▶ Assigned task: Lines holding the word "insulated" in the material below: count them and write the number alone.

▶ Records for this exercise:
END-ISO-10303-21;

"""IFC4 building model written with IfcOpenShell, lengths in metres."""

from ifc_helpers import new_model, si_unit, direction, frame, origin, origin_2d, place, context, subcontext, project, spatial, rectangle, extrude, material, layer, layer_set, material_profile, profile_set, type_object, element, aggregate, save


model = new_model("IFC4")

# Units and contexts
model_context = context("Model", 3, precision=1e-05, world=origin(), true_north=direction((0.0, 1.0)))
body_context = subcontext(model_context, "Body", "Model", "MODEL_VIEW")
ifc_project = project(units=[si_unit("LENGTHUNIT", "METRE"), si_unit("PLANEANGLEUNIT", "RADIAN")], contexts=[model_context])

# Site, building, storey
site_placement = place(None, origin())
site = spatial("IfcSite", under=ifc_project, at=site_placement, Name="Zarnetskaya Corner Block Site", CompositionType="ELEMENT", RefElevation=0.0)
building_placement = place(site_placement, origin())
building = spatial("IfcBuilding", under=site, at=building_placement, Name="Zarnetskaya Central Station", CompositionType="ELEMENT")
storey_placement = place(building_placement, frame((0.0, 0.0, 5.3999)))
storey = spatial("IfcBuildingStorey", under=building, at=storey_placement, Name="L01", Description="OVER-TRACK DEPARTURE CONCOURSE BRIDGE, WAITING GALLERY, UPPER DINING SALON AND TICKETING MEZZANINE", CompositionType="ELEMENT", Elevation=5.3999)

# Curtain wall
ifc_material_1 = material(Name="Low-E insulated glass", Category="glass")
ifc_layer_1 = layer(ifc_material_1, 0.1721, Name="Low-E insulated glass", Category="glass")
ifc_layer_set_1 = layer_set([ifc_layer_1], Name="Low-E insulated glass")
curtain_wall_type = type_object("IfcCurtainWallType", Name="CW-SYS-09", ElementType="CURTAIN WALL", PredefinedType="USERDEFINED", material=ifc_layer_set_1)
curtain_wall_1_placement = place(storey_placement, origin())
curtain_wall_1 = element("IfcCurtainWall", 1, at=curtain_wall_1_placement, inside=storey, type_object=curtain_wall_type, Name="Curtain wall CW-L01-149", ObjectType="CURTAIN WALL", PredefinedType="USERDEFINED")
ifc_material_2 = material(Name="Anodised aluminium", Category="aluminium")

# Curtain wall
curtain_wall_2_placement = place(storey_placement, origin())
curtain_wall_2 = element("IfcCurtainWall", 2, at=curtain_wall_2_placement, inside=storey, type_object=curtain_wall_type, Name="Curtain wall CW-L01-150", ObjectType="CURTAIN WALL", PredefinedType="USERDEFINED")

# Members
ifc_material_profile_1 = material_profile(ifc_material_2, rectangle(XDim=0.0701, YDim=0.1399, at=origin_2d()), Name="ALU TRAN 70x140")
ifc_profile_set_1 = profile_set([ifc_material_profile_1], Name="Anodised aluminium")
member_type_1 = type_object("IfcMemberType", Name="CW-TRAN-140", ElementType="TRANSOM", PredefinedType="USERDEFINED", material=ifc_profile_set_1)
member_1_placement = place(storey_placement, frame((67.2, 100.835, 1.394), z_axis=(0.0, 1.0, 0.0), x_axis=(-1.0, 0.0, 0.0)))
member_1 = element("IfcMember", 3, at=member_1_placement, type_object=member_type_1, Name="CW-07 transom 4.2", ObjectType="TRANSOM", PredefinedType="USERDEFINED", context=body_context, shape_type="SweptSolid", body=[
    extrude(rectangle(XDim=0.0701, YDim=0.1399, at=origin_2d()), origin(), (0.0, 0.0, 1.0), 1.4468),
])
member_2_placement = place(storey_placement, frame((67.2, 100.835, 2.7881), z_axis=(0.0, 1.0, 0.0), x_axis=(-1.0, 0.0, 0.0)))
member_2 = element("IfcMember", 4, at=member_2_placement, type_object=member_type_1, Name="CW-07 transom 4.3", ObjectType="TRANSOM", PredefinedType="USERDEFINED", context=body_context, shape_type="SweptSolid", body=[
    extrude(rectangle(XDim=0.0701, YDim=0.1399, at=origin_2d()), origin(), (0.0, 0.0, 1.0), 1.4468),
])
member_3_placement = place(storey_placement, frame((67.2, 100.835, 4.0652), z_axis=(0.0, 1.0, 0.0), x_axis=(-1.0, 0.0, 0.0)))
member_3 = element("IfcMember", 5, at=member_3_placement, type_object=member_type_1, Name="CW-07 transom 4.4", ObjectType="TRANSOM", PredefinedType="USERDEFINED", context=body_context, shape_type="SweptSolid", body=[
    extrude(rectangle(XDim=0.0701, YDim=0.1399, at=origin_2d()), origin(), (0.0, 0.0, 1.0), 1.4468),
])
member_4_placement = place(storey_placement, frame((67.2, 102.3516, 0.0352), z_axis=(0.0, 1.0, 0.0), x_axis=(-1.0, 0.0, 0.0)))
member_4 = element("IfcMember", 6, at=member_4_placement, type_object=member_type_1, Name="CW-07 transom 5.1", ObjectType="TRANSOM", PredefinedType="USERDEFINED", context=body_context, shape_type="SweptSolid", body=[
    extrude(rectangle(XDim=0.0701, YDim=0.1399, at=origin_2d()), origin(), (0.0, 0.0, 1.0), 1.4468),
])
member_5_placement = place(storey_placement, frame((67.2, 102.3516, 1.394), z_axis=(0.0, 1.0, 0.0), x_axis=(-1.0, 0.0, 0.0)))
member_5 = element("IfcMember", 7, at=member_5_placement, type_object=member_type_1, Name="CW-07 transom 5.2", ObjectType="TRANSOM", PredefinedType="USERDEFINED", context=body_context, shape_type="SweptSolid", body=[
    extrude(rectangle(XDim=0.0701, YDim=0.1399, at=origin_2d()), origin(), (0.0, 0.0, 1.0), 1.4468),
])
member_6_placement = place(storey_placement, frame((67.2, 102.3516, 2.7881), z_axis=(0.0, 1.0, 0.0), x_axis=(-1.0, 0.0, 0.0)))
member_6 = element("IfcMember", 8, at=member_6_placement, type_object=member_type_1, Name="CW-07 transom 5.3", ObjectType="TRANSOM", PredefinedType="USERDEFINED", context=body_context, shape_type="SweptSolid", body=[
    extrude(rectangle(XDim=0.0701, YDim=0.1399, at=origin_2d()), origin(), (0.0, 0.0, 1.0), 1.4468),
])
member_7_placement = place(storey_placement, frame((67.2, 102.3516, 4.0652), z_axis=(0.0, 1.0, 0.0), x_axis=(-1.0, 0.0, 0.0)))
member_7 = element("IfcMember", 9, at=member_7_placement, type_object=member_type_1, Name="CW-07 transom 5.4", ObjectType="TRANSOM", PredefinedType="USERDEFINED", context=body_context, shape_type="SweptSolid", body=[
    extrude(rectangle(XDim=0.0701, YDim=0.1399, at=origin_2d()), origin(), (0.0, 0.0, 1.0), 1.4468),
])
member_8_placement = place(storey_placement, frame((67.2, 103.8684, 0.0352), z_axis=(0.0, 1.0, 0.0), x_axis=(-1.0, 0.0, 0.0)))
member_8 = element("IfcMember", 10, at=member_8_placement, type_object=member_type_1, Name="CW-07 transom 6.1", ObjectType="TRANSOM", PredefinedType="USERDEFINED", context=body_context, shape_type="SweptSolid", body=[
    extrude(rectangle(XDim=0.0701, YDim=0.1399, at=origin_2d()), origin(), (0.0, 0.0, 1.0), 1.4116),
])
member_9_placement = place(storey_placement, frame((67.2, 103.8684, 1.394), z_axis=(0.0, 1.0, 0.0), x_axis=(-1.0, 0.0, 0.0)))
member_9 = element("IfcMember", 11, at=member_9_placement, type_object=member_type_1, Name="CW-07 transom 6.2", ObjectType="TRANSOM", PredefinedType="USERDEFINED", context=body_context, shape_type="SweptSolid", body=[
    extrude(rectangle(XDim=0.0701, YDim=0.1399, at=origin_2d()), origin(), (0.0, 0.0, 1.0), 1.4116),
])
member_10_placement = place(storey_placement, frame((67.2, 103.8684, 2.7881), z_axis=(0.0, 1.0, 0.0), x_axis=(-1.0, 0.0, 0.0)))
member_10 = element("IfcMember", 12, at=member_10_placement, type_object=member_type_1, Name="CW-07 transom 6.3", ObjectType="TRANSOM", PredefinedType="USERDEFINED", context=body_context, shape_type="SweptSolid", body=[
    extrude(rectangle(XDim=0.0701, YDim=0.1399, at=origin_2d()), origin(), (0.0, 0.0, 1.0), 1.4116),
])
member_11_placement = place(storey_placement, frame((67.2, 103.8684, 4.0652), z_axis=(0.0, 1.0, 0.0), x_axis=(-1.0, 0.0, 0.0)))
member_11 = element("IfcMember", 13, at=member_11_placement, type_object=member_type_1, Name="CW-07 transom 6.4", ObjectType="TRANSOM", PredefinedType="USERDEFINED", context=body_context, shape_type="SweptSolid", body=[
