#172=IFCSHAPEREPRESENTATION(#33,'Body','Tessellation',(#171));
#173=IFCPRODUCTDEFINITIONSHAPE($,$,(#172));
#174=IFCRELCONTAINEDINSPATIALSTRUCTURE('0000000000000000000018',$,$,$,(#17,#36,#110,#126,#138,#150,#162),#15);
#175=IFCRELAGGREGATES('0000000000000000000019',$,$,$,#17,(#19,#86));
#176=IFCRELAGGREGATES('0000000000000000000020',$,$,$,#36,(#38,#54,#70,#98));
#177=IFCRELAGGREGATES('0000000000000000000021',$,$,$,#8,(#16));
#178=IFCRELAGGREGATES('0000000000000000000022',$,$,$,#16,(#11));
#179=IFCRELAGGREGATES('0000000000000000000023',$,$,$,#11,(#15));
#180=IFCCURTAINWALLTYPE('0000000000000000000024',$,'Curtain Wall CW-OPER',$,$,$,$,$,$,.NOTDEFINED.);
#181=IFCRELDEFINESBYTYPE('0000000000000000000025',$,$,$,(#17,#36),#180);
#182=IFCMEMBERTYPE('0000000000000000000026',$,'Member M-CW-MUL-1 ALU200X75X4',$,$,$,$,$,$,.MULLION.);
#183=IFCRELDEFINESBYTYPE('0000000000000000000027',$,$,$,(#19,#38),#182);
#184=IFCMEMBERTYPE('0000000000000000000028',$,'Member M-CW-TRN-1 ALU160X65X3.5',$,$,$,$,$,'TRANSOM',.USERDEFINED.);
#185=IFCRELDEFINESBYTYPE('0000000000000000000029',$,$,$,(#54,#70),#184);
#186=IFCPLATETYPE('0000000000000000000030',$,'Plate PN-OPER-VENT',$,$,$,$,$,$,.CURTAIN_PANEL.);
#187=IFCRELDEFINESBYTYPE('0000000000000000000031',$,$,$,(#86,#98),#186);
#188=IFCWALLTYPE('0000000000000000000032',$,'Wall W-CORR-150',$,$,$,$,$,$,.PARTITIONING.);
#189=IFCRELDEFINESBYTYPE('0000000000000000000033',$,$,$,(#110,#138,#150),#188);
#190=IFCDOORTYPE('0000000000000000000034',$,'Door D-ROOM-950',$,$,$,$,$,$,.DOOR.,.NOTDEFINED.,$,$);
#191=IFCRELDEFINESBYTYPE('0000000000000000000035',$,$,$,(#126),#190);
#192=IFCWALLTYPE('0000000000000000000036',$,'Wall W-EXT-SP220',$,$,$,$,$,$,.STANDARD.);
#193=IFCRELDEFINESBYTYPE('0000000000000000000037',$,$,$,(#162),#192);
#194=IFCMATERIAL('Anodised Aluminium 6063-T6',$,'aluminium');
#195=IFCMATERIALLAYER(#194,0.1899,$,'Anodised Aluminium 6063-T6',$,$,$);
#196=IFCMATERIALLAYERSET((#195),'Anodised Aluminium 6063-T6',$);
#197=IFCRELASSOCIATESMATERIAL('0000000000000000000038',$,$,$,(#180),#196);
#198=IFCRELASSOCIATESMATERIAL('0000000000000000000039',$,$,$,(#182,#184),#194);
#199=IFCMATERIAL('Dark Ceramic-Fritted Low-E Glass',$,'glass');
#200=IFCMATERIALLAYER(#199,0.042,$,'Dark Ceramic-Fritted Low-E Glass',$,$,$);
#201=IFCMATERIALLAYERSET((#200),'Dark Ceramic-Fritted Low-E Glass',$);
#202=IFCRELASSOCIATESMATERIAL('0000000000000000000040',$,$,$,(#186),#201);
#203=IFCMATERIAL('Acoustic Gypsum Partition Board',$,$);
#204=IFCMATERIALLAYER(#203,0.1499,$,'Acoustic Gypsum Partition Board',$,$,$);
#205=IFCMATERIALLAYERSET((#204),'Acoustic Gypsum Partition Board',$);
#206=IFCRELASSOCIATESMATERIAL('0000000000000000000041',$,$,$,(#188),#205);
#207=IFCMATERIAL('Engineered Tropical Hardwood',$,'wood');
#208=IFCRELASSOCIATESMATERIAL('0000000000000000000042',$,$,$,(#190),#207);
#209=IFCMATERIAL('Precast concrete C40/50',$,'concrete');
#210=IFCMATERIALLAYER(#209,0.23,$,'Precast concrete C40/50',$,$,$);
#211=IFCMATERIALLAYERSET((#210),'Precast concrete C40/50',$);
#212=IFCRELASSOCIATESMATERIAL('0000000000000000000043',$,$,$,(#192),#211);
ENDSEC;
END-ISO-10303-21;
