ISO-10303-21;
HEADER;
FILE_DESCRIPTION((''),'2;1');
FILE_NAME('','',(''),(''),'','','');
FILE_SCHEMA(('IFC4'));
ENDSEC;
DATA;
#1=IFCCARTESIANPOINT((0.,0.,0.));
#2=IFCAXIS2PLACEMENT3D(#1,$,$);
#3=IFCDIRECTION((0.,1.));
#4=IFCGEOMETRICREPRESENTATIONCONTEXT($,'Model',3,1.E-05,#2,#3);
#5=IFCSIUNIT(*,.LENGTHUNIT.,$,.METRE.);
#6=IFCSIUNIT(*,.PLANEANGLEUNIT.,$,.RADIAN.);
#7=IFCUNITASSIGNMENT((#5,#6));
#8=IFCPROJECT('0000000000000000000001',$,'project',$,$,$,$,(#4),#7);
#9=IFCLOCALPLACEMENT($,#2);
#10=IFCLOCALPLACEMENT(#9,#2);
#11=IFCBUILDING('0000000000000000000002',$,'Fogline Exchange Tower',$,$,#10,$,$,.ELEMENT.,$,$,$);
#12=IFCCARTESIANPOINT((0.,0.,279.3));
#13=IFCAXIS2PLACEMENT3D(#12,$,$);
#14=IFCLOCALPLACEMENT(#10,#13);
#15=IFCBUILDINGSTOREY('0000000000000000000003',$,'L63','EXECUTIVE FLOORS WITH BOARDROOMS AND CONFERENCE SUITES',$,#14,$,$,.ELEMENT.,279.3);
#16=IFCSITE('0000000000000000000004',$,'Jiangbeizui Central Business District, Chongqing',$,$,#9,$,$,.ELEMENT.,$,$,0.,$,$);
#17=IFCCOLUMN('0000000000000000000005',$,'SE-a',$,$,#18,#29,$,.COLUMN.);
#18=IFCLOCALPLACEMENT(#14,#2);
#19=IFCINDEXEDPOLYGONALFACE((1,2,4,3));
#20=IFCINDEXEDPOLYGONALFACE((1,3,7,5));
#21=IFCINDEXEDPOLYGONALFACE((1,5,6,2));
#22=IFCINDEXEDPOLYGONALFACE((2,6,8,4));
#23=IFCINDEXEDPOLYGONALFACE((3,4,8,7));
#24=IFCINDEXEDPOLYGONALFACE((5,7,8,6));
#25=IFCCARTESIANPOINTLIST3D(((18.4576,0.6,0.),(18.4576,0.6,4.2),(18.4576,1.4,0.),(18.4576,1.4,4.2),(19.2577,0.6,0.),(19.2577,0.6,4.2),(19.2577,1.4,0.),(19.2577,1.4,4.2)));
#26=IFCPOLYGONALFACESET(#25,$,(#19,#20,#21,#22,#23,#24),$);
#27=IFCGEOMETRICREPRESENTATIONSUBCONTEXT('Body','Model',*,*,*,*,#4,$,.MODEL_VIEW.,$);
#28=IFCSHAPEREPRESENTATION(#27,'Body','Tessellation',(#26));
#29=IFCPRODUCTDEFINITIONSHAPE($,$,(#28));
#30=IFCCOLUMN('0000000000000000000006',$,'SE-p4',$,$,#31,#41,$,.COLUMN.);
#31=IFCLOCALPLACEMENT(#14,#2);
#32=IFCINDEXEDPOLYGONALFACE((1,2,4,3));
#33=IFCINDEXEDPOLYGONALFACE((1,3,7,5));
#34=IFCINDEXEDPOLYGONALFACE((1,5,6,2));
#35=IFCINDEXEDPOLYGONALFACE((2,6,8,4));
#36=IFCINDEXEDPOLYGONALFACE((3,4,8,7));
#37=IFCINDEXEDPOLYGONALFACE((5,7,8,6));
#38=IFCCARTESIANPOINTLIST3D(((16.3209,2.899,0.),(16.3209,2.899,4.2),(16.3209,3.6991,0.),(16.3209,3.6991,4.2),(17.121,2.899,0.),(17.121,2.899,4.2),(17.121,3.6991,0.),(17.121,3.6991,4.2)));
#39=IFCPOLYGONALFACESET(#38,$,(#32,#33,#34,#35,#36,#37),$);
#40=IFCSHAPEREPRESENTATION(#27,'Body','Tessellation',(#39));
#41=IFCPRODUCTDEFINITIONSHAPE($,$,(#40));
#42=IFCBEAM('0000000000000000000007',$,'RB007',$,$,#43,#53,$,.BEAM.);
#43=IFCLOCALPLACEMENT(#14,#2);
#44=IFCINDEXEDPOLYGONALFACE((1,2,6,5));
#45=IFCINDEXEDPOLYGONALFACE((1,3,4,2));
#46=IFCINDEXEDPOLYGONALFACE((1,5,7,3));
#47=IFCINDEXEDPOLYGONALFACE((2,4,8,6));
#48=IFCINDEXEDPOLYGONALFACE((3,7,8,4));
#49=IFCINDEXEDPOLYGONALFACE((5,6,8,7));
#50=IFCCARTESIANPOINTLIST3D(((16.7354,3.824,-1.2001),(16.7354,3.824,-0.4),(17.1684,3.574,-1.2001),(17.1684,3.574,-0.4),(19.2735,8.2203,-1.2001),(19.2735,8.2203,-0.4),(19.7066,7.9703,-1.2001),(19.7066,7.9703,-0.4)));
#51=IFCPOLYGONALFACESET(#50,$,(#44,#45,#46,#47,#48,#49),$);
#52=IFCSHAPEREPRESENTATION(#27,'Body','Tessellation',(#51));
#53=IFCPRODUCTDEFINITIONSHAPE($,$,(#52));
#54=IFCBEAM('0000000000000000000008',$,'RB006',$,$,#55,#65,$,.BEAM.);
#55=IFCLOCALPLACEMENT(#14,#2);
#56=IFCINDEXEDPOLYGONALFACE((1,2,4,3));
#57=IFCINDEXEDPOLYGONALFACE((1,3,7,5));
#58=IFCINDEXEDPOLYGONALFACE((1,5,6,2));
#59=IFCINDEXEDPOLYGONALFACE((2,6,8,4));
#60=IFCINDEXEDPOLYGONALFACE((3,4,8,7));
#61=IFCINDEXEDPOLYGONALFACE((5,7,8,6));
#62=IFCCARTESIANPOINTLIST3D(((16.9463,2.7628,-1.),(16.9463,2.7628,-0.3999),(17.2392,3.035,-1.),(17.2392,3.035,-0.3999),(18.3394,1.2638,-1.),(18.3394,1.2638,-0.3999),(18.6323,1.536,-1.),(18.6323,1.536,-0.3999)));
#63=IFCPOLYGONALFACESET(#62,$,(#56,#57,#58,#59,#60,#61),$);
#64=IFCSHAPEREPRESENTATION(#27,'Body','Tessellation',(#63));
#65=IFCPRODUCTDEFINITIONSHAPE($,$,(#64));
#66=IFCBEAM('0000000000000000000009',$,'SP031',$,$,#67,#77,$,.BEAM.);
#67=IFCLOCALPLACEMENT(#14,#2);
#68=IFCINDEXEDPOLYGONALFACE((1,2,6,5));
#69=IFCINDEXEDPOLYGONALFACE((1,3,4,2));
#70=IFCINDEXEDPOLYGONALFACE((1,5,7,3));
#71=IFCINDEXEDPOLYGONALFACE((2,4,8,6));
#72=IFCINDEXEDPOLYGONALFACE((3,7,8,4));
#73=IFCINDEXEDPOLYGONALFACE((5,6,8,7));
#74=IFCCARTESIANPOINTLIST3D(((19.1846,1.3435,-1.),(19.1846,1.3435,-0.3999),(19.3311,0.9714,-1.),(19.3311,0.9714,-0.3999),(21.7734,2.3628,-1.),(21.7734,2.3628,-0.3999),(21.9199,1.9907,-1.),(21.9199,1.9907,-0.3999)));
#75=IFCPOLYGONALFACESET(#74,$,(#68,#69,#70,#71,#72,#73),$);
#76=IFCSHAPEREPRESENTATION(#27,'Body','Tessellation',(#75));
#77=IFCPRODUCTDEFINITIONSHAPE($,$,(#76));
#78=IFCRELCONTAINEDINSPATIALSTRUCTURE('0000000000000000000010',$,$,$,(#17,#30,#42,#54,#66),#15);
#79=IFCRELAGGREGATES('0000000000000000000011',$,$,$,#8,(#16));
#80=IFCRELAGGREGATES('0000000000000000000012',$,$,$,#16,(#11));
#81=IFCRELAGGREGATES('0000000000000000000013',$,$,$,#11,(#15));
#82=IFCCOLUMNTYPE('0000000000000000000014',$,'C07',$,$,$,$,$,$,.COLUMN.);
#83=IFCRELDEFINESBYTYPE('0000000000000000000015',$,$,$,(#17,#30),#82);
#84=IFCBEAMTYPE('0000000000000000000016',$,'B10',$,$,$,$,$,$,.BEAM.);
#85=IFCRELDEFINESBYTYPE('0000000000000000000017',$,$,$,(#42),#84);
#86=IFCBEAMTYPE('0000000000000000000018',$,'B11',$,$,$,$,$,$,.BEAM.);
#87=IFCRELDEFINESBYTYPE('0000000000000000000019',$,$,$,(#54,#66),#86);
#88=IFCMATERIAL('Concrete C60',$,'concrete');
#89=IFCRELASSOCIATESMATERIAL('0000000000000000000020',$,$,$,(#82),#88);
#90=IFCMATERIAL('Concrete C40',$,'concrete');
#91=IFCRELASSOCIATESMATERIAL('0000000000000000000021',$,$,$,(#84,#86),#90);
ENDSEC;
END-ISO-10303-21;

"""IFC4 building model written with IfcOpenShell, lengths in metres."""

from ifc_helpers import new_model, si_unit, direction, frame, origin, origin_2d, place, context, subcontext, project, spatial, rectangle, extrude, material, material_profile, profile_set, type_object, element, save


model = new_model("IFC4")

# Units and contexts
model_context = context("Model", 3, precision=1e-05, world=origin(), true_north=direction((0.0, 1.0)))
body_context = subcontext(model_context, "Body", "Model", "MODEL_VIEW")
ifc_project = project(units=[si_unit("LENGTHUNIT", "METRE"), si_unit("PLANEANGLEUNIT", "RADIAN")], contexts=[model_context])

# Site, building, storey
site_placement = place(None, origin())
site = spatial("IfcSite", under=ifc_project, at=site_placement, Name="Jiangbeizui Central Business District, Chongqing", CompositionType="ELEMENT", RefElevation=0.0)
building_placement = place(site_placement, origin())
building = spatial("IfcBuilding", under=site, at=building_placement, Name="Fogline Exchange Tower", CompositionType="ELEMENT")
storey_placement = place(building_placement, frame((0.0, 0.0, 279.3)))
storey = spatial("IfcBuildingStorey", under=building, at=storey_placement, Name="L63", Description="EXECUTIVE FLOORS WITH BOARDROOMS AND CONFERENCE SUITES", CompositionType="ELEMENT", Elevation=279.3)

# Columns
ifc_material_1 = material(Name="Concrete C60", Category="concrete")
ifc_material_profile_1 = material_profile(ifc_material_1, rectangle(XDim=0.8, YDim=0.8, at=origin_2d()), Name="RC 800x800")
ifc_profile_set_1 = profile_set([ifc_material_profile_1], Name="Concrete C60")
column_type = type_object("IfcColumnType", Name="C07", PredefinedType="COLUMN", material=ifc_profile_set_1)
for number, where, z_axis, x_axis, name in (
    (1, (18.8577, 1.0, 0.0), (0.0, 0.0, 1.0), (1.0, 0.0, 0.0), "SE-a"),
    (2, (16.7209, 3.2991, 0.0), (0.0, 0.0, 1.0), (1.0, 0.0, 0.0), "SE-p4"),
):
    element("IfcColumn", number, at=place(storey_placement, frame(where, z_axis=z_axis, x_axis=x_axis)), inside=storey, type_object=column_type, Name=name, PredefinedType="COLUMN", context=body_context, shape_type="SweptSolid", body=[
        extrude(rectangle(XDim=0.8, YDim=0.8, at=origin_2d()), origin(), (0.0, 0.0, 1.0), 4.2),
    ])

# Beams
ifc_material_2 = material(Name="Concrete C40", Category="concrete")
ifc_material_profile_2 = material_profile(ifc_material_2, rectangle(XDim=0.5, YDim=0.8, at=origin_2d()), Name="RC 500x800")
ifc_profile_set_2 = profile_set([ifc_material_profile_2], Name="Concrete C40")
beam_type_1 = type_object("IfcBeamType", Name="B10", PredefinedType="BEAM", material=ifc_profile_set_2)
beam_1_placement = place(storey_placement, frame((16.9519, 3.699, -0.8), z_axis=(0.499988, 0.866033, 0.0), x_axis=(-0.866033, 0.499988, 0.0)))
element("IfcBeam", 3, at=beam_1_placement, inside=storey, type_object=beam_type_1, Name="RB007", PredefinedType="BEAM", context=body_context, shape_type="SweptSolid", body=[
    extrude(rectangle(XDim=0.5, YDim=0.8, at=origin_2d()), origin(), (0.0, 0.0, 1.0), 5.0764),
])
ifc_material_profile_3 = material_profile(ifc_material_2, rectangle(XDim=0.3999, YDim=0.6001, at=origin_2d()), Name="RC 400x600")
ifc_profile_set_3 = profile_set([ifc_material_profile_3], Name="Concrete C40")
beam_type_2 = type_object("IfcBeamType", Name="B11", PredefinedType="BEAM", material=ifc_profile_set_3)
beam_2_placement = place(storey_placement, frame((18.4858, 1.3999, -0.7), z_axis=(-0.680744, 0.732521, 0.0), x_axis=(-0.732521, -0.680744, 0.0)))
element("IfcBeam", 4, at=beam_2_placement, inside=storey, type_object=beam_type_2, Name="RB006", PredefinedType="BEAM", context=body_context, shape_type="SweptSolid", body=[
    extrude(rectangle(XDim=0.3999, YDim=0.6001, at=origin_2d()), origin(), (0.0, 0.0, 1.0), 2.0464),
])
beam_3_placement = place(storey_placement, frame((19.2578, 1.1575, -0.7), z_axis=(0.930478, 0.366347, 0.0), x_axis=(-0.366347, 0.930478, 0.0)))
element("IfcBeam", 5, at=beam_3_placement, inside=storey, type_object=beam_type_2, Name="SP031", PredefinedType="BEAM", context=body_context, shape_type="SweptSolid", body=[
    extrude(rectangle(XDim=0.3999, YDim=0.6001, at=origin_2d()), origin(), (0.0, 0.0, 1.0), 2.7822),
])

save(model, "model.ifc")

▶ Result: 3